Read through the listing, and wherever a line holds the word "Steel", return it.

====================

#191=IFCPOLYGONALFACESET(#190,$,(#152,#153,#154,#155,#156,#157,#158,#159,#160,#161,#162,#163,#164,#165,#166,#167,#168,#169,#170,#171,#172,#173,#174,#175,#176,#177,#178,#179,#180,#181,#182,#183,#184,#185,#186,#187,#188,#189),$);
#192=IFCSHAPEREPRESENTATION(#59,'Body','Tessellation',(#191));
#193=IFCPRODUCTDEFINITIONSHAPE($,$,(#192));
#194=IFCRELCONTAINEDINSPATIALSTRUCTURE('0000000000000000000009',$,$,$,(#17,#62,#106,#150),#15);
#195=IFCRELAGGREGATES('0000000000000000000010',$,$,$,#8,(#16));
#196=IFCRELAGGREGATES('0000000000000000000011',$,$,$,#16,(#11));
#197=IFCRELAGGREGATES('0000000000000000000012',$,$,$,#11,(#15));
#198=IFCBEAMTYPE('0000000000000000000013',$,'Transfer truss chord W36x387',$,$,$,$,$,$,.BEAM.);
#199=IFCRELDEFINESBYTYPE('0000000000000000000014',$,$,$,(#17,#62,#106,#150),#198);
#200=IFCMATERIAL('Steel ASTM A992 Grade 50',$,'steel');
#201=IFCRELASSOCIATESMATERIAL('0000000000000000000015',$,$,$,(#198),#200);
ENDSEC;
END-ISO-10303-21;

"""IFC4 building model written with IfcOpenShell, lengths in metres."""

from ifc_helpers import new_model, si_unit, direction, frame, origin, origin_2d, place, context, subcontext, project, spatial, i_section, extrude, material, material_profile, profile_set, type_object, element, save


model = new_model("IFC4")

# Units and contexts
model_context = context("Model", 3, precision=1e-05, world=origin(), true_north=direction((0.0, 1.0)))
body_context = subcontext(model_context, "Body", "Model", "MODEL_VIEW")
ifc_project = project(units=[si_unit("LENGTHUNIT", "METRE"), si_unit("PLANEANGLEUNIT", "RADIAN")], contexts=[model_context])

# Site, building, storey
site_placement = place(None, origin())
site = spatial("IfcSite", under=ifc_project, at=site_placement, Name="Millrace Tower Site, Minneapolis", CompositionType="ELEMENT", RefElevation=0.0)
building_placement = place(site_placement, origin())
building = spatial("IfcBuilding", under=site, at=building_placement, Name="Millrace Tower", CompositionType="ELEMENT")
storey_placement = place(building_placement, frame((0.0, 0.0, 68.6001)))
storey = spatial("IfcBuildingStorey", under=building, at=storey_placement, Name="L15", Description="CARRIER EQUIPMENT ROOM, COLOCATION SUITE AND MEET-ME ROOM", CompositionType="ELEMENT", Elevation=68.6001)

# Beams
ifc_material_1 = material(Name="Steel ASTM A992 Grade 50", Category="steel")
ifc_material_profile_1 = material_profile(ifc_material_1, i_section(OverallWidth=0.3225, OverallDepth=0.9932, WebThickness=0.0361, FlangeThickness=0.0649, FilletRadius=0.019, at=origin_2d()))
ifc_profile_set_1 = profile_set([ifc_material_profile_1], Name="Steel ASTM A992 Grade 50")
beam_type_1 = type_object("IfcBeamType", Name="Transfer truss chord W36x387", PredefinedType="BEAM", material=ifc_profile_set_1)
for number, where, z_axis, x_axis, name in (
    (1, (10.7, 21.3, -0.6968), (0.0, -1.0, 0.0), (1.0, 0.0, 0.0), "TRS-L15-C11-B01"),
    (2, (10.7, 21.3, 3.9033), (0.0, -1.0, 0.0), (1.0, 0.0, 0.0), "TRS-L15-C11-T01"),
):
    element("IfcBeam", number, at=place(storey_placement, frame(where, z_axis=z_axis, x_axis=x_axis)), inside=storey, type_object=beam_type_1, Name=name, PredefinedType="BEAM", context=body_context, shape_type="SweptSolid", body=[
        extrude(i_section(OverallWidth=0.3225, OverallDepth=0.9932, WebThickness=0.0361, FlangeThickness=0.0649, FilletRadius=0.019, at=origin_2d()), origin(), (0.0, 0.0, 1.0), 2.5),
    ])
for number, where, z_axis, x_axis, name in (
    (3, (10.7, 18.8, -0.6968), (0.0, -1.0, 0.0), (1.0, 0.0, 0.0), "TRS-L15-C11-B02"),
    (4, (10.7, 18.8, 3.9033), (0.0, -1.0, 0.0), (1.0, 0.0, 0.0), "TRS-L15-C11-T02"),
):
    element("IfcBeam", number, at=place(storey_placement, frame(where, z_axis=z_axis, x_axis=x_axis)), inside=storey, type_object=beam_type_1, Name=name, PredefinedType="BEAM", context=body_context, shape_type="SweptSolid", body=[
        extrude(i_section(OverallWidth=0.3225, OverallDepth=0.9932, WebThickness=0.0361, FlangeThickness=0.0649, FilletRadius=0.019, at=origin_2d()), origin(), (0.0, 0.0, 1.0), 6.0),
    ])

====================

▶ Solution to the exercise
#200=IFCMATERIAL('Steel ASTM A992 Grade 50',$,'steel');
ifc_material_1 = material(Name="Steel ASTM A992 Grade 50", Category="steel")
ifc_profile_set_1 = profile_set([ifc_material_profile_1], Name="Steel ASTM A992 Grade 50")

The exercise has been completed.